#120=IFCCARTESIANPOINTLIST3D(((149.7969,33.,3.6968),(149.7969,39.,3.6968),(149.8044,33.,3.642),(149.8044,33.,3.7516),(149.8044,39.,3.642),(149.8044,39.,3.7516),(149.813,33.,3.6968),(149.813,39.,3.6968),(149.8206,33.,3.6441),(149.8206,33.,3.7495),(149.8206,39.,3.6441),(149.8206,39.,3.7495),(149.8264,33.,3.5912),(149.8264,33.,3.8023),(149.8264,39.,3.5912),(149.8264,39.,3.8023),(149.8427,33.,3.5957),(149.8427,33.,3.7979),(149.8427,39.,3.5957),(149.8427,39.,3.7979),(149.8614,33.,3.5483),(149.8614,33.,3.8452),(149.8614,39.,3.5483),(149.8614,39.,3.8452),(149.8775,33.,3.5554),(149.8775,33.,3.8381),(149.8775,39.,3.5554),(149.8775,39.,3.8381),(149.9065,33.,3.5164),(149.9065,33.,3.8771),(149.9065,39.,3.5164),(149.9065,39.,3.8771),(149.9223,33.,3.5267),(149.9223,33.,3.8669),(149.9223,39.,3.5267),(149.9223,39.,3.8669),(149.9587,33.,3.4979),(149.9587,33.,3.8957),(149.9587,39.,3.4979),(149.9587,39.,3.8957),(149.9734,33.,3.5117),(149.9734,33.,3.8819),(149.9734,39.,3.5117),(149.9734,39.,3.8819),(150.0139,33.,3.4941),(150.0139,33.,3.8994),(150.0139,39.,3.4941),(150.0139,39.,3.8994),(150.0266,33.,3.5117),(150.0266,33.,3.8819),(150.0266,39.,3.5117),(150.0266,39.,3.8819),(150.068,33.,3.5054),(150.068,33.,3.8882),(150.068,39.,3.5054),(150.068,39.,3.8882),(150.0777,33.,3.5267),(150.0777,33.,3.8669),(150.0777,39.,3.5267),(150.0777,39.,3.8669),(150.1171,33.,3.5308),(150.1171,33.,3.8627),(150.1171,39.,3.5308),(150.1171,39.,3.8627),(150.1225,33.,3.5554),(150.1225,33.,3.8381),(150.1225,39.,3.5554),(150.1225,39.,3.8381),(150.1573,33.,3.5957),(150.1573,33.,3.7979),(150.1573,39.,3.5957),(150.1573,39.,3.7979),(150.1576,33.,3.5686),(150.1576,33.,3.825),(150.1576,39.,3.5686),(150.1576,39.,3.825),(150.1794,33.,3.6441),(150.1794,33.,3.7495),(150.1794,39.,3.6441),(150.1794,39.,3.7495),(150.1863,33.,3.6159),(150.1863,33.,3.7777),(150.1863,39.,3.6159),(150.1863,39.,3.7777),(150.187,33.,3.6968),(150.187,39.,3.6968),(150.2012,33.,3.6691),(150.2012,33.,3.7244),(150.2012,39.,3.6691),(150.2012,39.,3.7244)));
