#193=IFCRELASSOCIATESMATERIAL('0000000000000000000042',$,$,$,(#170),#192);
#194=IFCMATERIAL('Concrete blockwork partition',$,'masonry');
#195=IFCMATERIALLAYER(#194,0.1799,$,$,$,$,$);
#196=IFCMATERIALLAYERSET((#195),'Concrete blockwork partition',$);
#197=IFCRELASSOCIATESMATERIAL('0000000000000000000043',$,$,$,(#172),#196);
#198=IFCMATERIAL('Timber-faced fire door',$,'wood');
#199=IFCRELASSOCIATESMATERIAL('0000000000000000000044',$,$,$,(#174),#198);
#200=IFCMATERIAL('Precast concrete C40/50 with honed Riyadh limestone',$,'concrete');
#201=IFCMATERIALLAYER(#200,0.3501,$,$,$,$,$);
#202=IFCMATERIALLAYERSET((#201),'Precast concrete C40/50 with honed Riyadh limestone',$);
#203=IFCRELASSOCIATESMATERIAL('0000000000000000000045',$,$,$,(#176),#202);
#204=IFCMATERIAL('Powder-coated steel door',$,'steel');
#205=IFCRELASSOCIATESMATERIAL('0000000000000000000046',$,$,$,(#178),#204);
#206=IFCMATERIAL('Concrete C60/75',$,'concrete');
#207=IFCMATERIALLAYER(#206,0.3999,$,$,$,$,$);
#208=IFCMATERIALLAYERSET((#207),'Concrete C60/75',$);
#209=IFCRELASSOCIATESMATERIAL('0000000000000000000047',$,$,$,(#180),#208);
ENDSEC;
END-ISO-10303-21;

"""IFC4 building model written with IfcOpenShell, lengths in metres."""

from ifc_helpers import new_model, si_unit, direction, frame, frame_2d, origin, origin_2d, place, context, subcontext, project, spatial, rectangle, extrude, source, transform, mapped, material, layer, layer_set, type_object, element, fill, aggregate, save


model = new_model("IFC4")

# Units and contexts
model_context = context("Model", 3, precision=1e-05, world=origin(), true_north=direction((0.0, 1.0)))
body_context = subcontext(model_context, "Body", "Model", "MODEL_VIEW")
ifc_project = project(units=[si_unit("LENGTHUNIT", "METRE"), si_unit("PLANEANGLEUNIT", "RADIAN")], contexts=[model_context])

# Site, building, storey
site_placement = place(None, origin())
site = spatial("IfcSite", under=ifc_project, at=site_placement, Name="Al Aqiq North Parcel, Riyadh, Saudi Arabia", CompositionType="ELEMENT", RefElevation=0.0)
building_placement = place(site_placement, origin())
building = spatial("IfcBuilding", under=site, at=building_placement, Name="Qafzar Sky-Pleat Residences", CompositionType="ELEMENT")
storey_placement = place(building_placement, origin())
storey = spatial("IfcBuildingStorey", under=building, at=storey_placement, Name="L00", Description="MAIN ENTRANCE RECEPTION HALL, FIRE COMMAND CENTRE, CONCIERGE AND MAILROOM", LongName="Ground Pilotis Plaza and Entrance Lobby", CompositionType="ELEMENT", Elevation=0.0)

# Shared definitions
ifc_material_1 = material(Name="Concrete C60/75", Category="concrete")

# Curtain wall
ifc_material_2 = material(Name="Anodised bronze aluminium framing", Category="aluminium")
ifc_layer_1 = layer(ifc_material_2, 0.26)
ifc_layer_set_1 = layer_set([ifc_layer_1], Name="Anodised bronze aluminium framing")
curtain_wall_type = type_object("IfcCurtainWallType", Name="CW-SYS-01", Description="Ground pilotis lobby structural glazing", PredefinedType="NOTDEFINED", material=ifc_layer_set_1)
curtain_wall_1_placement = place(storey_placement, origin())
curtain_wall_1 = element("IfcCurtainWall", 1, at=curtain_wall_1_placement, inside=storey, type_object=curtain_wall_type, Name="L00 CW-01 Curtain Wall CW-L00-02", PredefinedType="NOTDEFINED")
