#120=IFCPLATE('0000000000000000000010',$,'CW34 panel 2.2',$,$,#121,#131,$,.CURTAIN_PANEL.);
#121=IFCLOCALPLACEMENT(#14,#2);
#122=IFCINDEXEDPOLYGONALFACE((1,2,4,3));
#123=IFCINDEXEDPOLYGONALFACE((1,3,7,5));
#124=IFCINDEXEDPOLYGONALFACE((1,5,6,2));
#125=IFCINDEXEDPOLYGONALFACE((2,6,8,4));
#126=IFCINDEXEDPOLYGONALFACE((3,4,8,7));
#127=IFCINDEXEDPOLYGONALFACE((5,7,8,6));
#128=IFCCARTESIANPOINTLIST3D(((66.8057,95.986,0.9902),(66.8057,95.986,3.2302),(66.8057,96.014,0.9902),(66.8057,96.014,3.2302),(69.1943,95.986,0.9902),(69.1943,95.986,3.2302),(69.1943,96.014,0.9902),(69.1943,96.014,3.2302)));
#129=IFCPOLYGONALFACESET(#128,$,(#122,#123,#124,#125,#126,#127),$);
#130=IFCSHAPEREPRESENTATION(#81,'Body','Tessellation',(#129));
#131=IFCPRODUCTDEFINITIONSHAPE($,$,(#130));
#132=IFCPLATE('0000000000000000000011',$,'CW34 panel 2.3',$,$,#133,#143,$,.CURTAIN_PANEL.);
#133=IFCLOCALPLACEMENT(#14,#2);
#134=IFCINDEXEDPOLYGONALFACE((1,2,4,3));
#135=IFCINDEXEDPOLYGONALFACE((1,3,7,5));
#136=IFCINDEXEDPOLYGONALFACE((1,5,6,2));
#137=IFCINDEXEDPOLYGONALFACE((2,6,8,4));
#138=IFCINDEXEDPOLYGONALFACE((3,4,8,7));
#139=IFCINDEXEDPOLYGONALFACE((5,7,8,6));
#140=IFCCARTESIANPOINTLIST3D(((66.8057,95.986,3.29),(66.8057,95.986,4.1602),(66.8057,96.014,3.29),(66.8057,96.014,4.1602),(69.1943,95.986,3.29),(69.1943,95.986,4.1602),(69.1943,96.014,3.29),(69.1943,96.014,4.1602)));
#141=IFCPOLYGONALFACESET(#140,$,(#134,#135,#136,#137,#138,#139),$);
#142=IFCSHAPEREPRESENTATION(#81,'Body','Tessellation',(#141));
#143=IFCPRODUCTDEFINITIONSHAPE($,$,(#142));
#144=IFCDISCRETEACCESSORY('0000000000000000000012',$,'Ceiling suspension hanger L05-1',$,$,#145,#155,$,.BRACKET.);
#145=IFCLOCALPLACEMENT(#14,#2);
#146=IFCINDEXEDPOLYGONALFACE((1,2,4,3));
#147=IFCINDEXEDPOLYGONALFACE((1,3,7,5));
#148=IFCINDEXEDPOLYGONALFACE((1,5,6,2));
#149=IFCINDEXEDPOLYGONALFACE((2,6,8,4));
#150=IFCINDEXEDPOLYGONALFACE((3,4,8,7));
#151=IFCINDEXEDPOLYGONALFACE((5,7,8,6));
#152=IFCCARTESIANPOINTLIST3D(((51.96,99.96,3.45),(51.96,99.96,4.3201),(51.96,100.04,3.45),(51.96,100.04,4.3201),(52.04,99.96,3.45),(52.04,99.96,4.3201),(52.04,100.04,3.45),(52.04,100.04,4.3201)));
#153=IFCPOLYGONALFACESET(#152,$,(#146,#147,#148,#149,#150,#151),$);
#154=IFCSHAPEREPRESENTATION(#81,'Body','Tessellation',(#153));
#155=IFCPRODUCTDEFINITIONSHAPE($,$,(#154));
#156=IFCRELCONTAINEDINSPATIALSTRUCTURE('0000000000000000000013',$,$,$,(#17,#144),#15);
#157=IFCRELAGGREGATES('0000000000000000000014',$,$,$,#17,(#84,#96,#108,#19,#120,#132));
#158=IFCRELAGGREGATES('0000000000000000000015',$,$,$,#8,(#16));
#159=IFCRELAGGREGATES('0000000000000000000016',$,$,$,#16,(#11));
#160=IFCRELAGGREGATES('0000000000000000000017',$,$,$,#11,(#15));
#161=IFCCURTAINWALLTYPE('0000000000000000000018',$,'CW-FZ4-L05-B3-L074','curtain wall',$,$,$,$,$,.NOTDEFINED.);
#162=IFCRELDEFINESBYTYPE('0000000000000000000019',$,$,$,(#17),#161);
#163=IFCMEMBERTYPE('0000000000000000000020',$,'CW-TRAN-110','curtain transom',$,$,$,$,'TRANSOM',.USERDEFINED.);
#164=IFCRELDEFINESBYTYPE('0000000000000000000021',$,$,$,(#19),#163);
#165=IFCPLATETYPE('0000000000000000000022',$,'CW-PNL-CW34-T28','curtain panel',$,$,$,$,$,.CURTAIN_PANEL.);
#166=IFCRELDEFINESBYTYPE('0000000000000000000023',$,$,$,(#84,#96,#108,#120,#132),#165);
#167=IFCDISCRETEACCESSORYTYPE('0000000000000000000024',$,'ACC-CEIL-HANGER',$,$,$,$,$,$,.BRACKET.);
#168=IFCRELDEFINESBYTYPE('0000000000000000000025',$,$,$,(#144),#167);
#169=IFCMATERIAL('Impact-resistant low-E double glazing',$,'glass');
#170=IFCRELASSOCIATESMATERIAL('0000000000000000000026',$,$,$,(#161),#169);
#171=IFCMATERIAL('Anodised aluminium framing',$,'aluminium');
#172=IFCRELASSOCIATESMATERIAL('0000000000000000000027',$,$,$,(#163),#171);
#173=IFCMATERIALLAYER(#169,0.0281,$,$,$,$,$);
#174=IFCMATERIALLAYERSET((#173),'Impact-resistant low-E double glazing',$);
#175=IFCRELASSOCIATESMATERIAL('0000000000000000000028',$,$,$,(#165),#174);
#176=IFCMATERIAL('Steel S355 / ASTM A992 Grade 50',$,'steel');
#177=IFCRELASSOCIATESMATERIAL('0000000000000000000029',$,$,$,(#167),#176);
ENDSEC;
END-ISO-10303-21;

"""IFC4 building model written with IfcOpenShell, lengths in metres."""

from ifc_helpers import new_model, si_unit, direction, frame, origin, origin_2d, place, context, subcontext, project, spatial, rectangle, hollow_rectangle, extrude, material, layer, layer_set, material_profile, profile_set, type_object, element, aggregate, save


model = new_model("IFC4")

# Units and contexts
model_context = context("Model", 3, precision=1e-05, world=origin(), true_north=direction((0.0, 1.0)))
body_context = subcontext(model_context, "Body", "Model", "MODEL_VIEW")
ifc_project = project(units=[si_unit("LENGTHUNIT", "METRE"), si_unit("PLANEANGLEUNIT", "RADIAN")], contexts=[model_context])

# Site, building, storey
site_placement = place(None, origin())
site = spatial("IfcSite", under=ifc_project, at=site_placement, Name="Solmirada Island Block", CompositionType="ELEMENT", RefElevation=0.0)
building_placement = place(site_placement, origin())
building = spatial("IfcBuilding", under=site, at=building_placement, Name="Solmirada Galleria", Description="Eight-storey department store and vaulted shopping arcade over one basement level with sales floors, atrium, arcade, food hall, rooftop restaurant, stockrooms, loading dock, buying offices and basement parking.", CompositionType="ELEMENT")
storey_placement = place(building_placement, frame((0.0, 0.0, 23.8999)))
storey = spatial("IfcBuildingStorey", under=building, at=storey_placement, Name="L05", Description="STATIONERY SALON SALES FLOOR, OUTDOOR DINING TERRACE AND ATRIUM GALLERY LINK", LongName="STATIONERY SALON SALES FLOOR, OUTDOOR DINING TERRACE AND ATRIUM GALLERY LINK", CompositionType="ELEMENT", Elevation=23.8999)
- - -
Your objective
Among the lines above, return those that hold the word "Body".

Expected answer
body_context = subcontext(model_context, "Body", "Model", "MODEL_VIEW")
#130=IFCSHAPEREPRESENTATION(#81,'Body','Tessellation',(#129));
#142=IFCSHAPEREPRESENTATION(#81,'Body','Tessellation',(#141));
#154=IFCSHAPEREPRESENTATION(#81,'Body','Tessellation',(#153));
body_context = subcontext(model_context, "Body", "Model", "MODEL_VIEW")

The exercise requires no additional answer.